**What needs to be done**
Scan the listing for the word "scale", and copy out each line where it is found.

*** Opening Information provided ***

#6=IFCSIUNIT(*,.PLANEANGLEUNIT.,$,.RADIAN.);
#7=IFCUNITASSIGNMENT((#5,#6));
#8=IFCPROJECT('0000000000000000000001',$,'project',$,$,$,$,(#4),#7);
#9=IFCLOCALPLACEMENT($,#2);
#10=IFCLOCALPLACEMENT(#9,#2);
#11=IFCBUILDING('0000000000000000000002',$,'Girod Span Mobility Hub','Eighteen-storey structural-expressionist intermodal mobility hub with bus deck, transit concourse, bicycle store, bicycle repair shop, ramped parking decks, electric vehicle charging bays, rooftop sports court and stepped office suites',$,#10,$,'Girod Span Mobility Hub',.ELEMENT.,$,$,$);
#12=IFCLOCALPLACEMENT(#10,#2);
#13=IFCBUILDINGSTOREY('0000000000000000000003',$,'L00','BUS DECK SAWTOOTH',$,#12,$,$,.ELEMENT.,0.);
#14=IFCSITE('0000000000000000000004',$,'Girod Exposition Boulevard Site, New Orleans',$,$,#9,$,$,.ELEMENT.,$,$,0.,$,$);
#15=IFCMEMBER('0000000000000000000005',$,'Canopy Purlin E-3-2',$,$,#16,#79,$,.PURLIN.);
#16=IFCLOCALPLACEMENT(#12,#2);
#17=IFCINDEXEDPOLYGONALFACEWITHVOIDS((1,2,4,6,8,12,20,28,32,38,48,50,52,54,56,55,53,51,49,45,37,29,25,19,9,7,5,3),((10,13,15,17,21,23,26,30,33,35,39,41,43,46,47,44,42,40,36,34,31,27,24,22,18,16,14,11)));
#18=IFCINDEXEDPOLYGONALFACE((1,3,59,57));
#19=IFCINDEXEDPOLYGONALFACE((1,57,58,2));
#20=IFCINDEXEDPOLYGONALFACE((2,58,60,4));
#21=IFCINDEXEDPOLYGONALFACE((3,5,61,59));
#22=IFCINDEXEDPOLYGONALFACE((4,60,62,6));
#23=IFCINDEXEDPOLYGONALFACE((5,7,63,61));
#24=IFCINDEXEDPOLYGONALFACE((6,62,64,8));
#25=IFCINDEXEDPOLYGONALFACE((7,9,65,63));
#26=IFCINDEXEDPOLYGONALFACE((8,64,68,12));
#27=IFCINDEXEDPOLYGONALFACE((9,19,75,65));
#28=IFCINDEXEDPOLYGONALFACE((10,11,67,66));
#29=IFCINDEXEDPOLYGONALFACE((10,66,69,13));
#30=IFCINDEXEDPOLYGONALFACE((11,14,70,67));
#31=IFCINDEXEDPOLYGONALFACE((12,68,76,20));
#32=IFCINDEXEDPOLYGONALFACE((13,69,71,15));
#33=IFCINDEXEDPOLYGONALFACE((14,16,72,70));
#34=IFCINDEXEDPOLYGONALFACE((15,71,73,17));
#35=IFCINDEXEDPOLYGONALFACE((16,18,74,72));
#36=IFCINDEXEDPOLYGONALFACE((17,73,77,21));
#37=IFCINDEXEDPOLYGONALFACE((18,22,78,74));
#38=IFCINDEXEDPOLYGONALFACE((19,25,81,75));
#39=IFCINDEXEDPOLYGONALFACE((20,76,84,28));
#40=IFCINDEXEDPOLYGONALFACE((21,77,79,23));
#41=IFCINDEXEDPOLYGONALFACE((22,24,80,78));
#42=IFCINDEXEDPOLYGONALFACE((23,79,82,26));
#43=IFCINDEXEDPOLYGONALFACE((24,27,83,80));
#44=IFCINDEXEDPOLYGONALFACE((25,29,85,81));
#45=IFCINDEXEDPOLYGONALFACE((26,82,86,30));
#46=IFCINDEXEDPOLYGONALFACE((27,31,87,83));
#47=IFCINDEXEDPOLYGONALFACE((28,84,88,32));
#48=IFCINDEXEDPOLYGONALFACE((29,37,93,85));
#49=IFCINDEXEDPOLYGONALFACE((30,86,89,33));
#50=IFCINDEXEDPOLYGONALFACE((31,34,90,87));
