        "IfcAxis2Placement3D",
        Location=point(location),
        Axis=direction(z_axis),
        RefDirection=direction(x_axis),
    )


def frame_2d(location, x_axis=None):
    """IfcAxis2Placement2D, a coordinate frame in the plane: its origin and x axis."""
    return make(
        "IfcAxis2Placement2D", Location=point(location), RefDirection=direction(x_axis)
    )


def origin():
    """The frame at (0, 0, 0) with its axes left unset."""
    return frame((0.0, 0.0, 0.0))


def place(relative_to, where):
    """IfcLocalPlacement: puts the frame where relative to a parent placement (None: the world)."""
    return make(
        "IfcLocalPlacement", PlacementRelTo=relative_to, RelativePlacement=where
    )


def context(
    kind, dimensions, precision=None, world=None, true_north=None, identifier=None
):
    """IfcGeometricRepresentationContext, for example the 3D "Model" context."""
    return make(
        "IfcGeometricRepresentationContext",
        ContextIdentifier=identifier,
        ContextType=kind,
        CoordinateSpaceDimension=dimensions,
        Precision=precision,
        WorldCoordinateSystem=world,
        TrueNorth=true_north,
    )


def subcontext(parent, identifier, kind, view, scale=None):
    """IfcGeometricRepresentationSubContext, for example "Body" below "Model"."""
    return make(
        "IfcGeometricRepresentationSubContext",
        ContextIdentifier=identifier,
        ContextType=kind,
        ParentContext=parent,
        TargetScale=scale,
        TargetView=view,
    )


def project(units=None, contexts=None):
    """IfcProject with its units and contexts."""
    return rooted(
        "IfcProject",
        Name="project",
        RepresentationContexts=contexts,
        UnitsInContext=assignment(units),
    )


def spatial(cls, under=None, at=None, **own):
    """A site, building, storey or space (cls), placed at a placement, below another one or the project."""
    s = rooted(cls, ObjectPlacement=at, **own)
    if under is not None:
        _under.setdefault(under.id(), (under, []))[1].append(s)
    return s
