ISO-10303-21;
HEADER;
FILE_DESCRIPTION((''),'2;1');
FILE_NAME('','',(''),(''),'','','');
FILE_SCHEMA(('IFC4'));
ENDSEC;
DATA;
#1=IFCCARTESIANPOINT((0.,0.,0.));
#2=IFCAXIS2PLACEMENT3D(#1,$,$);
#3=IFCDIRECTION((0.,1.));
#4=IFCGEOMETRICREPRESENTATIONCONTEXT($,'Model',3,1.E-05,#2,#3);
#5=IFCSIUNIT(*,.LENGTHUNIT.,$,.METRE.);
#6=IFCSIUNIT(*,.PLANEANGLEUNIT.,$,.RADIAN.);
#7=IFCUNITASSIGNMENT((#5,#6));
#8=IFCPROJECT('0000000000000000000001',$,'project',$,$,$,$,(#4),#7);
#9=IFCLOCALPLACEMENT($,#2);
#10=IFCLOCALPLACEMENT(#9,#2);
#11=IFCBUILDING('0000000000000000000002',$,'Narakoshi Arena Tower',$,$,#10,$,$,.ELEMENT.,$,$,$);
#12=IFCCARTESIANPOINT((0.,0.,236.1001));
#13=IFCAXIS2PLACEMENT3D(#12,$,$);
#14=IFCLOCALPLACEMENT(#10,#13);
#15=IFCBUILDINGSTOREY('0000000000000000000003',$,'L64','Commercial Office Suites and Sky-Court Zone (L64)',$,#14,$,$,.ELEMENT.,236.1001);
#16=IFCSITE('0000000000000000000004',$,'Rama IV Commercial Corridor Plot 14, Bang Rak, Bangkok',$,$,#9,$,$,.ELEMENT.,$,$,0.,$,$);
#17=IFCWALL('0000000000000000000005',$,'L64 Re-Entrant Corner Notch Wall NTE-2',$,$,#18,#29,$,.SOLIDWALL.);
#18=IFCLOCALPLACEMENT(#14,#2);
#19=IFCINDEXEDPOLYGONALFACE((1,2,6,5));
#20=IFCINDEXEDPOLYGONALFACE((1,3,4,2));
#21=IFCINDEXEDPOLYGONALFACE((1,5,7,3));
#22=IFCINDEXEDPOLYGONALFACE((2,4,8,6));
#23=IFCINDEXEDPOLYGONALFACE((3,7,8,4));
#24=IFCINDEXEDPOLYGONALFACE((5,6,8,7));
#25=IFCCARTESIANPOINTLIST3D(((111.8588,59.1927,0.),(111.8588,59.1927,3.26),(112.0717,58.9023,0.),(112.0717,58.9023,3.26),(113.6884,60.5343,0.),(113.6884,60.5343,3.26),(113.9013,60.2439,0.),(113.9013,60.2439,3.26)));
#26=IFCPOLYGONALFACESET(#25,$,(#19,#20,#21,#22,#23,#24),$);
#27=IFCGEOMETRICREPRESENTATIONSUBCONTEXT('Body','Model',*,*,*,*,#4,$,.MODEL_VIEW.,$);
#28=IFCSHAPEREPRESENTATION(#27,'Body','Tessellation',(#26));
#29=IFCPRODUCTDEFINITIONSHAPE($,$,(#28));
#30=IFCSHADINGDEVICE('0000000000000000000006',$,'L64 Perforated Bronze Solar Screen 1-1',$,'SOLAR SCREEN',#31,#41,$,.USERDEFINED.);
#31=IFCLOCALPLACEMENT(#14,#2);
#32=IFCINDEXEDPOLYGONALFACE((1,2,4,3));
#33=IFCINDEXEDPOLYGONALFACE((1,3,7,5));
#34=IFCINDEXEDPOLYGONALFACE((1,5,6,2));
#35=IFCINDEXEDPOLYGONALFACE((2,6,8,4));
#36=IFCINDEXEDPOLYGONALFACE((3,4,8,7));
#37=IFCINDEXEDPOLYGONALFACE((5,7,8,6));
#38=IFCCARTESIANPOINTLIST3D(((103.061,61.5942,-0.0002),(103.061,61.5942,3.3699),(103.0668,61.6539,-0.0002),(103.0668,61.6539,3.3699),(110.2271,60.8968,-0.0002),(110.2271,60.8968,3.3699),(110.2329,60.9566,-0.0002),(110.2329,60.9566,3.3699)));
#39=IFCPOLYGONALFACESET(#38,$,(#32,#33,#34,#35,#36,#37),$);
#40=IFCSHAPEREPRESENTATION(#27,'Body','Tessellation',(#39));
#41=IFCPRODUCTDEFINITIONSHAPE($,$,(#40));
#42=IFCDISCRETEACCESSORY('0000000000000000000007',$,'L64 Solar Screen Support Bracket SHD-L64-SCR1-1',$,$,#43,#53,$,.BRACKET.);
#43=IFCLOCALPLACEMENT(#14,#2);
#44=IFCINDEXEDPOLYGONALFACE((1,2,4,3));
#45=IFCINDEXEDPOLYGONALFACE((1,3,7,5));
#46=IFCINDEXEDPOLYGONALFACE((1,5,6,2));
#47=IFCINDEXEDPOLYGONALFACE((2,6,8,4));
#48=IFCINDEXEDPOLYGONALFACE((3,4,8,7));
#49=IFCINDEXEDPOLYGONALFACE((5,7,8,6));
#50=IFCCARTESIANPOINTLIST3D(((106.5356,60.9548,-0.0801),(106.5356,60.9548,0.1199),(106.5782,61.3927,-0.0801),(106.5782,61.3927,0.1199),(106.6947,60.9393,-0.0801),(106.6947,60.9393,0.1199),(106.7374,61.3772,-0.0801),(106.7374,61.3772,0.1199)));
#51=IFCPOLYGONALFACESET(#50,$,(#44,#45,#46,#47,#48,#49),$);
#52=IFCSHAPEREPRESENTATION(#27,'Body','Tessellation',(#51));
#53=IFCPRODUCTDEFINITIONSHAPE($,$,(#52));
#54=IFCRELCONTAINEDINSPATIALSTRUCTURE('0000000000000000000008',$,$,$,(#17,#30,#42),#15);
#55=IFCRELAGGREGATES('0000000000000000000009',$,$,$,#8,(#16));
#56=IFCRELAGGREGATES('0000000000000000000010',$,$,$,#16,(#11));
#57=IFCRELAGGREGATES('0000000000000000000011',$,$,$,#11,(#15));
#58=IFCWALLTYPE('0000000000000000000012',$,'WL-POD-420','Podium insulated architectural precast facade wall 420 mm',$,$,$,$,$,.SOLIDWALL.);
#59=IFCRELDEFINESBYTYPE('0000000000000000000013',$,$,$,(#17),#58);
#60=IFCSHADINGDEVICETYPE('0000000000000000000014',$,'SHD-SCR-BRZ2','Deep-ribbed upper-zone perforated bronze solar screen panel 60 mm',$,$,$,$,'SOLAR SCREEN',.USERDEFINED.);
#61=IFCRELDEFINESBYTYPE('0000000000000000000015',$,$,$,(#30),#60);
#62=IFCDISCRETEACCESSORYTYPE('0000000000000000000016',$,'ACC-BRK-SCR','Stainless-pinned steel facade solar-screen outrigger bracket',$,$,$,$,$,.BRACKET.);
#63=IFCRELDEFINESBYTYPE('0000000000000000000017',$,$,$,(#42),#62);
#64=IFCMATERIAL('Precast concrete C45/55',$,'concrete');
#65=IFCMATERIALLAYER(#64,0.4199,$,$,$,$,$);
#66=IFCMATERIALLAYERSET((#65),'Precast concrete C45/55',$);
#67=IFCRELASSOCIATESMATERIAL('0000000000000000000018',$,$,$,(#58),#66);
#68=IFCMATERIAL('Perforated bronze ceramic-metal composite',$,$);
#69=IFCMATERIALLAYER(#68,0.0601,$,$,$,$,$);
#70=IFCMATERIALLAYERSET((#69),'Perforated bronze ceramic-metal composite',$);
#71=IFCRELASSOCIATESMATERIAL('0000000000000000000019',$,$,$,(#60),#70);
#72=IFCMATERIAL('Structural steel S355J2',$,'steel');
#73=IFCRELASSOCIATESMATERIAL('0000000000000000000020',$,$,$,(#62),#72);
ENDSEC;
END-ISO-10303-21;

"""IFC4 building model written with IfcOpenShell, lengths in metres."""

from ifc_helpers import new_model, si_unit, direction, frame, frame_2d, origin, origin_2d, place, context, subcontext, project, spatial, rectangle, extrude, material, layer, layer_set, type_object, element, save


model = new_model("IFC4")

# Units and contexts
model_context = context("Model", 3, precision=1e-05, world=origin(), true_north=direction((0.0, 1.0)))
body_context = subcontext(model_context, "Body", "Model", "MODEL_VIEW")
ifc_project = project(units=[si_unit("LENGTHUNIT", "METRE"), si_unit("PLANEANGLEUNIT", "RADIAN")], contexts=[model_context])

# Site, building, storey
site_placement = place(None, origin())
site = spatial("IfcSite", under=ifc_project, at=site_placement, Name="Rama IV Commercial Corridor Plot 14, Bang Rak, Bangkok", CompositionType="ELEMENT", RefElevation=0.0)
building_placement = place(site_placement, origin())
building = spatial("IfcBuilding", under=site, at=building_placement, Name="Narakoshi Arena Tower", CompositionType="ELEMENT")
storey_placement = place(building_placement, frame((0.0, 0.0, 236.1001)))
storey = spatial("IfcBuildingStorey", under=building, at=storey_placement, Name="L64", Description="Commercial Office Suites and Sky-Court Zone (L64)", CompositionType="ELEMENT", Elevation=236.1001)

# Shared definitions
ifc_material_1 = material(Name="Structural steel S355J2", Category="steel")

# Shared definitions
ifc_material_2 = material(Name="Precast concrete C45/55", Category="concrete")

# Shared definitions
ifc_layer_1 = layer(ifc_material_2, 0.4199)
ifc_layer_set_1 = layer_set([ifc_layer_1], Name="Precast concrete C45/55")
wall_type_1 = type_object("IfcWallType", Name="WL-POD-420", Description="Podium insulated architectural precast facade wall 420 mm", PredefinedType="SOLIDWALL", material=ifc_layer_set_1)

# Wall
wall_1_placement = place(storey_placement, frame((111.9653, 59.0476, 0.0), z_axis=(0.0, 0.0, 1.0), x_axis=(0.806436, 0.591322, 0.0)))
element("IfcWall", 1, at=wall_1_placement, inside=storey, type_object=wall_type_1, Name="L64 Re-Entrant Corner Notch Wall NTE-2", PredefinedType="SOLIDWALL", context=body_context, shape_type="SweptSolid", body=[
    extrude(rectangle(XDim=2.2688, YDim=0.3601, at=frame_2d((1.1343, 0.0))), origin(), (0.0, 0.0, 1.0), 3.26),
])

# Shading device
ifc_material_3 = material(Name="Perforated bronze ceramic-metal composite")
ifc_layer_2 = layer(ifc_material_3, 0.0601)
ifc_layer_set_2 = layer_set([ifc_layer_2], Name="Perforated bronze ceramic-metal composite")
shading_device_type = type_object("IfcShadingDeviceType", Name="SHD-SCR-BRZ2", Description="Deep-ribbed upper-zone perforated bronze solar screen panel 60 mm", ElementType="SOLAR SCREEN", PredefinedType="USERDEFINED", material=ifc_layer_set_2)
shading_device_placement = place(storey_placement, frame((106.647, 61.2754, -0.0002), z_axis=(0.0, 0.0, 1.0), x_axis=(-0.995299, 0.096853, 0.0)))
element("IfcShadingDevice", 2, at=shading_device_placement, inside=storey, type_object=shading_device_type, Name="L64 Perforated Bronze Solar Screen 1-1", ObjectType="SOLAR SCREEN", PredefinedType="USERDEFINED", context=body_context, shape_type="SweptSolid", body=[
    extrude(rectangle(XDim=7.2, YDim=0.0601, at=origin_2d()), origin(), (0.0, 0.0, 1.0), 3.3701),
])

# Discrete accessory
discrete_accessory_type = type_object("IfcDiscreteAccessoryType", Name="ACC-BRK-SCR", Description="Stainless-pinned steel facade solar-screen outrigger bracket", PredefinedType="BRACKET", material=ifc_material_1)
discrete_accessory_placement = place(storey_placement, frame((106.6365, 61.166, -0.0801), z_axis=(0.0, 0.0, 1.0), x_axis=(-0.995299, 0.096853, 0.0)))
element("IfcDiscreteAccessory", 3, at=discrete_accessory_placement, inside=storey, type_object=discrete_accessory_type, Name="L64 Solar Screen Support Bracket SHD-L64-SCR1-1", PredefinedType="BRACKET", context=body_context, shape_type="SweptSolid", body=[
    extrude(rectangle(XDim=0.1599, YDim=0.4399, at=origin_2d()), origin(), (0.0, 0.0, 1.0), 0.2),
])

save(model, "model.ifc")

*** Closing Information provided ***

**Result for this exercise**
def subcontext(parent, identifier, kind, view, scale=None):
        TargetScale=scale,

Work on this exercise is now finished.